**TASK TO CARRY OUT**:
Set down the material exactly as given, please, from its first line through the line that includes "#141=IFCINDEXEDPOLYGONALFACE((39,40,42,41));".

**DATA SUPPLIED**:
+---+
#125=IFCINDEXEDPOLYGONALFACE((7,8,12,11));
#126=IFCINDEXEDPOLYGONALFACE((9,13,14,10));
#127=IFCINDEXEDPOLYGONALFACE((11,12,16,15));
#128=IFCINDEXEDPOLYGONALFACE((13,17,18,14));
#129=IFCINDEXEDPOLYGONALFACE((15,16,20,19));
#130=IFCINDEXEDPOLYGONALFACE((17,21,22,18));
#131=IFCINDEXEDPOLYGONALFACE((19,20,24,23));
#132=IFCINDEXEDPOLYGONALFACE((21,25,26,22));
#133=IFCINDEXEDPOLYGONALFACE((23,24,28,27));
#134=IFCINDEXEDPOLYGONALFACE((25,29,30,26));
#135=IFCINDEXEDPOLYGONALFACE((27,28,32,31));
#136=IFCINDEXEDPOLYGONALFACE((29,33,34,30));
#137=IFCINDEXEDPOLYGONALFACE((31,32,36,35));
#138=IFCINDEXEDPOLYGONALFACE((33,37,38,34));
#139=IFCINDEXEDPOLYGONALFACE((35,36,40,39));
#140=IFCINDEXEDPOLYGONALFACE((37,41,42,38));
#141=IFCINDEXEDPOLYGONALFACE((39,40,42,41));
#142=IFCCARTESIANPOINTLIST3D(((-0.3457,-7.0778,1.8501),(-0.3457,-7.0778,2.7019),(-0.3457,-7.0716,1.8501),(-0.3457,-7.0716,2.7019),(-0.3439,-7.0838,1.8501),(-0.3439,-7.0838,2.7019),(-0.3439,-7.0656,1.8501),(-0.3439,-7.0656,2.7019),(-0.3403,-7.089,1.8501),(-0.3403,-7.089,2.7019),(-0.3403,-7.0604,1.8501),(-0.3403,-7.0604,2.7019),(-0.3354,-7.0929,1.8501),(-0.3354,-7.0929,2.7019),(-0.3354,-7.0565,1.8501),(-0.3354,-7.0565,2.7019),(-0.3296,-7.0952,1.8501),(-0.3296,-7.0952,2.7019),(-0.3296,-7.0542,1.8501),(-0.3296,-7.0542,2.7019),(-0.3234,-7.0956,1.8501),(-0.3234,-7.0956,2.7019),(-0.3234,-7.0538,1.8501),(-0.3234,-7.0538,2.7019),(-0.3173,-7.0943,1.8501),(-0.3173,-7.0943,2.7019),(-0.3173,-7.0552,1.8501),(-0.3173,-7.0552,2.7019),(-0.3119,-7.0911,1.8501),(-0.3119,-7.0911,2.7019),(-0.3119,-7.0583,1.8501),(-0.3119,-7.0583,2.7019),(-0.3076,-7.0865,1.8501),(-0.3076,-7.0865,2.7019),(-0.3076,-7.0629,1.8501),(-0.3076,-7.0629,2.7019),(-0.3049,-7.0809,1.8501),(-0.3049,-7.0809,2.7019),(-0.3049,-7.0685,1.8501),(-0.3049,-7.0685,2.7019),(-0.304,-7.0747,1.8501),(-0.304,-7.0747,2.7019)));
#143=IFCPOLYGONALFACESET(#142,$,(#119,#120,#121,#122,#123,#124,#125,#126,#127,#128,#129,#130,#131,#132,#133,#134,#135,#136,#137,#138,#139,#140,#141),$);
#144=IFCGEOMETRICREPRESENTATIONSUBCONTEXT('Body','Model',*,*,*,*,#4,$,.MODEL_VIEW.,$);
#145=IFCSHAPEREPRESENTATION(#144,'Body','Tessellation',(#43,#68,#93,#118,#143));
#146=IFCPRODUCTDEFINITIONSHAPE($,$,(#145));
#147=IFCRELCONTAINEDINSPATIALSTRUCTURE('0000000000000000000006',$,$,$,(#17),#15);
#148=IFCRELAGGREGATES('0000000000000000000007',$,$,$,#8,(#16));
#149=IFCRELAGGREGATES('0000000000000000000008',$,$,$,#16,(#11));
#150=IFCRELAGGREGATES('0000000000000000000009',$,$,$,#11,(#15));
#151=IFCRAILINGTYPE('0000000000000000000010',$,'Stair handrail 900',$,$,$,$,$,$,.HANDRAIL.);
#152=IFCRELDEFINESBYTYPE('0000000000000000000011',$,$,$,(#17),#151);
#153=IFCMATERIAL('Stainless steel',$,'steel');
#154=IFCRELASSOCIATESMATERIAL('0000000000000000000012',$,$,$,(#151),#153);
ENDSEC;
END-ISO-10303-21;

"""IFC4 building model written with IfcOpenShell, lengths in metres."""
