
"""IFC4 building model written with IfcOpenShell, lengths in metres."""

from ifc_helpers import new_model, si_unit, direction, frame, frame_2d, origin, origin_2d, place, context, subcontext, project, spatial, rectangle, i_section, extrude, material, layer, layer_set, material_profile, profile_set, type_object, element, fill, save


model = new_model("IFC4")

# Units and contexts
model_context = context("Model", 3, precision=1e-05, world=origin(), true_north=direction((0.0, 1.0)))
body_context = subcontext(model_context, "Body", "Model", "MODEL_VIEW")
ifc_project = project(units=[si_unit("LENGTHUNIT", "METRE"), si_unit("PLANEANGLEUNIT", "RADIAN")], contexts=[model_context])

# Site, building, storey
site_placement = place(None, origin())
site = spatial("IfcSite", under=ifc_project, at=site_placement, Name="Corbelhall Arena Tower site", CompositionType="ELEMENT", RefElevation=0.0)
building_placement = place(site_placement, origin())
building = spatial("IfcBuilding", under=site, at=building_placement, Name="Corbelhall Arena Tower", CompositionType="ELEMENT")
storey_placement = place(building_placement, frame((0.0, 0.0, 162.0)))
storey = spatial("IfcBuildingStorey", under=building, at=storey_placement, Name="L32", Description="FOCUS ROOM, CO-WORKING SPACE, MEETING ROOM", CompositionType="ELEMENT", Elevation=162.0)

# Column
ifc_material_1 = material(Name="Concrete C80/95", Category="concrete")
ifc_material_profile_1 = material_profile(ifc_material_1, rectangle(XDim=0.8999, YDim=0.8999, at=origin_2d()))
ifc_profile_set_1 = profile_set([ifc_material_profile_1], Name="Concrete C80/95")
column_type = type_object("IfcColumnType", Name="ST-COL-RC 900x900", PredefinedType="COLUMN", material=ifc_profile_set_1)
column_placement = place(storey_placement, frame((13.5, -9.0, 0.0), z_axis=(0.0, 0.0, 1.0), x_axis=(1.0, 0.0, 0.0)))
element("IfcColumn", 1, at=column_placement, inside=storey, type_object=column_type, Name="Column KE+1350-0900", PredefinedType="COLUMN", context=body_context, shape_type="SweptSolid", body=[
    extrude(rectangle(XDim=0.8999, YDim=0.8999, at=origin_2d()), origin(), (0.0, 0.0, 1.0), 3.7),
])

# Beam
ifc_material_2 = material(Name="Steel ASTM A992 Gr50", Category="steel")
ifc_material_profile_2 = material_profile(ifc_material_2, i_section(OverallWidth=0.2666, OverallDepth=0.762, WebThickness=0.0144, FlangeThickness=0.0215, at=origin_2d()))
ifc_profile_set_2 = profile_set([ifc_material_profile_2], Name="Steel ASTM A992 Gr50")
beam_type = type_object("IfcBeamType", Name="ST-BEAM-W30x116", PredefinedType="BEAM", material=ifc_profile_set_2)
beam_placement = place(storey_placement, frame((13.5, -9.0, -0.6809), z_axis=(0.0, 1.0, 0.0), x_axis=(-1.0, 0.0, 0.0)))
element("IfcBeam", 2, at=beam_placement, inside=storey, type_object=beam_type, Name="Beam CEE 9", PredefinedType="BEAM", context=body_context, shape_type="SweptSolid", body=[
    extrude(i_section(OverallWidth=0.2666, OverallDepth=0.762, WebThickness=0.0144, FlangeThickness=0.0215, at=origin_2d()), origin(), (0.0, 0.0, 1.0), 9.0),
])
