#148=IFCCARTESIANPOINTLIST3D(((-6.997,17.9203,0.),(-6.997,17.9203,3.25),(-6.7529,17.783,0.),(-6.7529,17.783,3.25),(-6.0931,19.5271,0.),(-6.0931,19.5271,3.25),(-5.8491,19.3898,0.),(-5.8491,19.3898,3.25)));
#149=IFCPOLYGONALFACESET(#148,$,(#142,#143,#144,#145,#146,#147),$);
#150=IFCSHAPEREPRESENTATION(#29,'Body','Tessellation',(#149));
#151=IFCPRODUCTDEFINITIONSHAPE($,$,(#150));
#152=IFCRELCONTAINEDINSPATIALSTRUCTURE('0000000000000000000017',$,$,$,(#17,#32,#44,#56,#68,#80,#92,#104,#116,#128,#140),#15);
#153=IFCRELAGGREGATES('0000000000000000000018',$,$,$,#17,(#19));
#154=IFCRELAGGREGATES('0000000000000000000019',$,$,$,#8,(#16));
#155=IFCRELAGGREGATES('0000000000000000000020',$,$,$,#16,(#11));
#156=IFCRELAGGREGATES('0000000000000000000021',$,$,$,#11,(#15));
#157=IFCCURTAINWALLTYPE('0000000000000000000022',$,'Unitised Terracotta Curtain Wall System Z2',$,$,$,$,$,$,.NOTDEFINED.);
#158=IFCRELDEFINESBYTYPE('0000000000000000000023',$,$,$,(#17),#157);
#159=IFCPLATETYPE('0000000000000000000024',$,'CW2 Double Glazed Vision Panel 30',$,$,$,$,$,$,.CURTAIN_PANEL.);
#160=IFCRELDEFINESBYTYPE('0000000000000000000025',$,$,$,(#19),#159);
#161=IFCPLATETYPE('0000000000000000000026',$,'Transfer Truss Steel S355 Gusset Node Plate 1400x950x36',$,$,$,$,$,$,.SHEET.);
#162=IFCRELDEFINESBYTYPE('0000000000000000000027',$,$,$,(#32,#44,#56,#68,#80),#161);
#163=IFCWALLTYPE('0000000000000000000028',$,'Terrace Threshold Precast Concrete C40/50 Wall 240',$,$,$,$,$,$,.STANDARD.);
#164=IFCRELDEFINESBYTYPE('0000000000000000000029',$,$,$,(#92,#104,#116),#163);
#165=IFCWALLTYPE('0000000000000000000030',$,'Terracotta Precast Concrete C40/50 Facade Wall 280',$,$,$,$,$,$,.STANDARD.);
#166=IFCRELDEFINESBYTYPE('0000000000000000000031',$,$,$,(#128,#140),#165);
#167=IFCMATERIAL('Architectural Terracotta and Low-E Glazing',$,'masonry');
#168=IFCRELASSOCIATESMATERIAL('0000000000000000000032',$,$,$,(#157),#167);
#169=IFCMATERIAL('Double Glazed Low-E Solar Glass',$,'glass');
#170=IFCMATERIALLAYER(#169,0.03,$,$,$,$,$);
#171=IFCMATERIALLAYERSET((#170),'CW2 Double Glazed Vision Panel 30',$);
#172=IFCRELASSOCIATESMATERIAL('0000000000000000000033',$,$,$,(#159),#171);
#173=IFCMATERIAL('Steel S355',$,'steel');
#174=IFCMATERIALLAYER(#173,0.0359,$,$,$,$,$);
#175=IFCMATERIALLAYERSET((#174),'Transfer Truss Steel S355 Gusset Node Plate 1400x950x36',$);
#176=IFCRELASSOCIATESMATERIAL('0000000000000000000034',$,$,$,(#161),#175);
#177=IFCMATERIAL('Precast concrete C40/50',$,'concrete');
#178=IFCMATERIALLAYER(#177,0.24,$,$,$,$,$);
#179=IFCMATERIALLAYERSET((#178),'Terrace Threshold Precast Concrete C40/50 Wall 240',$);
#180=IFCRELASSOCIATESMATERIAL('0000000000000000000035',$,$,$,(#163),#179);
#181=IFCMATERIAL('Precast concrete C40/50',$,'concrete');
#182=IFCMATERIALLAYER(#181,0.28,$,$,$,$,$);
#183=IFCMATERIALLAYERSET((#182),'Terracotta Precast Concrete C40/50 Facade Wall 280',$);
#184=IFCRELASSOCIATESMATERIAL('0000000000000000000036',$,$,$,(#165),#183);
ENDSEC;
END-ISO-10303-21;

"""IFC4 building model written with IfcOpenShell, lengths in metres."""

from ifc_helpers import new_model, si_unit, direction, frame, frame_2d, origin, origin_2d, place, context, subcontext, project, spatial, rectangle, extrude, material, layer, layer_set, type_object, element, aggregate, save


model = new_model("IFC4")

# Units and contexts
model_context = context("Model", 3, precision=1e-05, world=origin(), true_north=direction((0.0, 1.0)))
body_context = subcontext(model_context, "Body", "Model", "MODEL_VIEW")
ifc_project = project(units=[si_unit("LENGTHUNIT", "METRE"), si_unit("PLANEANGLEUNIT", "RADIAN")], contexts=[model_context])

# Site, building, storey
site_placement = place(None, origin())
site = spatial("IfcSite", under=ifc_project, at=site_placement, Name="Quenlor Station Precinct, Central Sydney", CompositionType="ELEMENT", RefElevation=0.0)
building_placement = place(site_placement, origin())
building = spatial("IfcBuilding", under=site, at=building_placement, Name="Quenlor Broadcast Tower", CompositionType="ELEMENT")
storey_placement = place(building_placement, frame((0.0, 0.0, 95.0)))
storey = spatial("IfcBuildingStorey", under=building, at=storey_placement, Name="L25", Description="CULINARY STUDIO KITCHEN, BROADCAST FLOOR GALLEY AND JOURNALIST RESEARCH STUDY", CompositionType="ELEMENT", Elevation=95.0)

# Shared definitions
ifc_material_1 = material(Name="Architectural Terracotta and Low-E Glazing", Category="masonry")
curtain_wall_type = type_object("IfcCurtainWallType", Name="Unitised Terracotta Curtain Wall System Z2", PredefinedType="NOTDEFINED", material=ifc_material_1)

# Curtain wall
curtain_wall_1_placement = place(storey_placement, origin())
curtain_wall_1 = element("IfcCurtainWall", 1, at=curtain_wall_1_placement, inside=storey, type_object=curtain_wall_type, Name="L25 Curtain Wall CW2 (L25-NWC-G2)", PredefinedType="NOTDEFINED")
+---+
**ANSWER TO THE EXERCISE**:
#125=IFCINDEXEDPOLYGONALFACE((7,8,12,11));
#126=IFCINDEXEDPOLYGONALFACE((9,13,14,10));
#127=IFCINDEXEDPOLYGONALFACE((11,12,16,15));
#128=IFCINDEXEDPOLYGONALFACE((13,17,18,14));
#129=IFCINDEXEDPOLYGONALFACE((15,16,20,19));
#130=IFCINDEXEDPOLYGONALFACE((17,21,22,18));
#131=IFCINDEXEDPOLYGONALFACE((19,20,24,23));
#132=IFCINDEXEDPOLYGONALFACE((21,25,26,22));
#133=IFCINDEXEDPOLYGONALFACE((23,24,28,27));
#134=IFCINDEXEDPOLYGONALFACE((25,29,30,26));
#135=IFCINDEXEDPOLYGONALFACE((27,28,32,31));
#136=IFCINDEXEDPOLYGONALFACE((29,33,34,30));
#137=IFCINDEXEDPOLYGONALFACE((31,32,36,35));
#138=IFCINDEXEDPOLYGONALFACE((33,37,38,34));
#139=IFCINDEXEDPOLYGONALFACE((35,36,40,39));
#140=IFCINDEXEDPOLYGONALFACE((37,41,42,38));
#141=IFCINDEXEDPOLYGONALFACE((39,40,42,41));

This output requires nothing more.